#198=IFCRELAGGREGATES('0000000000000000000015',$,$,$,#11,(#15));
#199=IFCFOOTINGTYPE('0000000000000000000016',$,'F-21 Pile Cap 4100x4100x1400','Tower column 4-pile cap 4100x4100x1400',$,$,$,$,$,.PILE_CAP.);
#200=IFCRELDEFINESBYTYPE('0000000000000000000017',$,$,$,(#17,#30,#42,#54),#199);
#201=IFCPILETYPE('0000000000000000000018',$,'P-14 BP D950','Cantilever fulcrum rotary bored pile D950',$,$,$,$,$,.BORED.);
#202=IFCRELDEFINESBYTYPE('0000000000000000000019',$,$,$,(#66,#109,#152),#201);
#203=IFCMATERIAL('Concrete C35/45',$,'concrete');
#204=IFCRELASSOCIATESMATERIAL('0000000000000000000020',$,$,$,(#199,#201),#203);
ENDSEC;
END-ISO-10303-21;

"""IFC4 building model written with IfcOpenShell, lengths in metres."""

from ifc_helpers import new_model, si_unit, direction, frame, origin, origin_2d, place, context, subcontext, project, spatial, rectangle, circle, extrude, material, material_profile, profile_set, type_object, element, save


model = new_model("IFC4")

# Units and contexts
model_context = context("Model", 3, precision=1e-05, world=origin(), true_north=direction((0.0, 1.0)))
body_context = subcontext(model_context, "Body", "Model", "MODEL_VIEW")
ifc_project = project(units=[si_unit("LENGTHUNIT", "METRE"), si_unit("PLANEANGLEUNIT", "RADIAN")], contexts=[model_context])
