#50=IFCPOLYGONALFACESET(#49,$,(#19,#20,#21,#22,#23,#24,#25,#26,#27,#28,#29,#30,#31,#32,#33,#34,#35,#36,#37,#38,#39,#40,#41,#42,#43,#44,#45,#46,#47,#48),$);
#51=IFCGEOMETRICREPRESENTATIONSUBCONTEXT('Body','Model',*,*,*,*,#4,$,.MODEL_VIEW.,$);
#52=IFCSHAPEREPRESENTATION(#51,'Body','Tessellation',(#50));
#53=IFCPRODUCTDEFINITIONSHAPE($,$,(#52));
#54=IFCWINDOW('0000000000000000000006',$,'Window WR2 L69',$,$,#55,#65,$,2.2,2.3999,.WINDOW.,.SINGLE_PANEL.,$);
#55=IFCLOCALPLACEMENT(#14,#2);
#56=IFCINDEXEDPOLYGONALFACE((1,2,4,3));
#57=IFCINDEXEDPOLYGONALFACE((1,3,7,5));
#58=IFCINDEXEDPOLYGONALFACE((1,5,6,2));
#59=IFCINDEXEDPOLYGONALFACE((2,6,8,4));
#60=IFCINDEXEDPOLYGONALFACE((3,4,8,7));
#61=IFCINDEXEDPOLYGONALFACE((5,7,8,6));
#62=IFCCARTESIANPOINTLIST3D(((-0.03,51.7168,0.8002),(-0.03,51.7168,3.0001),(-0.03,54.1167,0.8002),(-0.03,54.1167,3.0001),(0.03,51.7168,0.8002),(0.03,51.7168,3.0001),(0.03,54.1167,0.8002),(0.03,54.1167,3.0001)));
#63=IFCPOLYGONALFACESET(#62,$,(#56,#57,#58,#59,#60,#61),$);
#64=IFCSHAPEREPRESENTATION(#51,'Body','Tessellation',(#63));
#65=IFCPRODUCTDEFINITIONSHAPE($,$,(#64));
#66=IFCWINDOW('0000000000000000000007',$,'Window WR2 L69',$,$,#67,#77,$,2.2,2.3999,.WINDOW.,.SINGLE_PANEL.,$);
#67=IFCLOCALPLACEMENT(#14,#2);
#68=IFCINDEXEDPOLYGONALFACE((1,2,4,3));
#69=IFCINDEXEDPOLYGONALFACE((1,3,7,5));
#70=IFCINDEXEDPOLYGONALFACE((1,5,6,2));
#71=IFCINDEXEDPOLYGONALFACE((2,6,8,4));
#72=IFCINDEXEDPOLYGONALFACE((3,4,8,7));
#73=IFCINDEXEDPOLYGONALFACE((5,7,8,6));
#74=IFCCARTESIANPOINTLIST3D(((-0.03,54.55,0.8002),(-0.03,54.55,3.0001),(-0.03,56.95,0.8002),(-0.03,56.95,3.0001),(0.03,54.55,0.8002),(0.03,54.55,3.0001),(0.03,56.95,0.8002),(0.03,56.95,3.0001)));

▬▬▬▬▬▬

• About this task: Please print the records above exactly, leaving nothing out.

• Result of this exercise:
#198=IFCRELAGGREGATES('0000000000000000000015',$,$,$,#11,(#15));
#199=IFCFOOTINGTYPE('0000000000000000000016',$,'F-21 Pile Cap 4100x4100x1400','Tower column 4-pile cap 4100x4100x1400',$,$,$,$,$,.PILE_CAP.);
#200=IFCRELDEFINESBYTYPE('0000000000000000000017',$,$,$,(#17,#30,#42,#54),#199);
#201=IFCPILETYPE('0000000000000000000018',$,'P-14 BP D950','Cantilever fulcrum rotary bored pile D950',$,$,$,$,$,.BORED.);
#202=IFCRELDEFINESBYTYPE('0000000000000000000019',$,$,$,(#66,#109,#152),#201);
#203=IFCMATERIAL('Concrete C35/45',$,'concrete');
#204=IFCRELASSOCIATESMATERIAL('0000000000000000000020',$,$,$,(#199,#201),#203);
ENDSEC;
END-ISO-10303-21;

"""IFC4 building model written with IfcOpenShell, lengths in metres."""

from ifc_helpers import new_model, si_unit, direction, frame, origin, origin_2d, place, context, subcontext, project, spatial, rectangle, circle, extrude, material, material_profile, profile_set, type_object, element, save


model = new_model("IFC4")

# Units and contexts
model_context = context("Model", 3, precision=1e-05, world=origin(), true_north=direction((0.0, 1.0)))
body_context = subcontext(model_context, "Body", "Model", "MODEL_VIEW")
ifc_project = project(units=[si_unit("LENGTHUNIT", "METRE"), si_unit("PLANEANGLEUNIT", "RADIAN")], contexts=[model_context])
#50=IFCPOLYGONALFACESET(#49,$,(#19,#20,#21,#22,#23,#24,#25,#26,#27,#28,#29,#30,#31,#32,#33,#34,#35,#36,#37,#38,#39,#40,#41,#42,#43,#44,#45,#46,#47,#48),$);
#51=IFCGEOMETRICREPRESENTATIONSUBCONTEXT('Body','Model',*,*,*,*,#4,$,.MODEL_VIEW.,$);
#52=IFCSHAPEREPRESENTATION(#51,'Body','Tessellation',(#50));
#53=IFCPRODUCTDEFINITIONSHAPE($,$,(#52));
#54=IFCWINDOW('0000000000000000000006',$,'Window WR2 L69',$,$,#55,#65,$,2.2,2.3999,.WINDOW.,.SINGLE_PANEL.,$);
#55=IFCLOCALPLACEMENT(#14,#2);
#56=IFCINDEXEDPOLYGONALFACE((1,2,4,3));
#57=IFCINDEXEDPOLYGONALFACE((1,3,7,5));
#58=IFCINDEXEDPOLYGONALFACE((1,5,6,2));
#59=IFCINDEXEDPOLYGONALFACE((2,6,8,4));
#60=IFCINDEXEDPOLYGONALFACE((3,4,8,7));
#61=IFCINDEXEDPOLYGONALFACE((5,7,8,6));
#62=IFCCARTESIANPOINTLIST3D(((-0.03,51.7168,0.8002),(-0.03,51.7168,3.0001),(-0.03,54.1167,0.8002),(-0.03,54.1167,3.0001),(0.03,51.7168,0.8002),(0.03,51.7168,3.0001),(0.03,54.1167,0.8002),(0.03,54.1167,3.0001)));
#63=IFCPOLYGONALFACESET(#62,$,(#56,#57,#58,#59,#60,#61),$);
#64=IFCSHAPEREPRESENTATION(#51,'Body','Tessellation',(#63));
#65=IFCPRODUCTDEFINITIONSHAPE($,$,(#64));
#66=IFCWINDOW('0000000000000000000007',$,'Window WR2 L69',$,$,#67,#77,$,2.2,2.3999,.WINDOW.,.SINGLE_PANEL.,$);
#67=IFCLOCALPLACEMENT(#14,#2);
#68=IFCINDEXEDPOLYGONALFACE((1,2,4,3));
#69=IFCINDEXEDPOLYGONALFACE((1,3,7,5));
#70=IFCINDEXEDPOLYGONALFACE((1,5,6,2));
#71=IFCINDEXEDPOLYGONALFACE((2,6,8,4));
#72=IFCINDEXEDPOLYGONALFACE((3,4,8,7));
#73=IFCINDEXEDPOLYGONALFACE((5,7,8,6));
#74=IFCCARTESIANPOINTLIST3D(((-0.03,54.55,0.8002),(-0.03,54.55,3.0001),(-0.03,56.95,0.8002),(-0.03,56.95,3.0001),(0.03,54.55,0.8002),(0.03,54.55,3.0001),(0.03,56.95,0.8002),(0.03,56.95,3.0001)));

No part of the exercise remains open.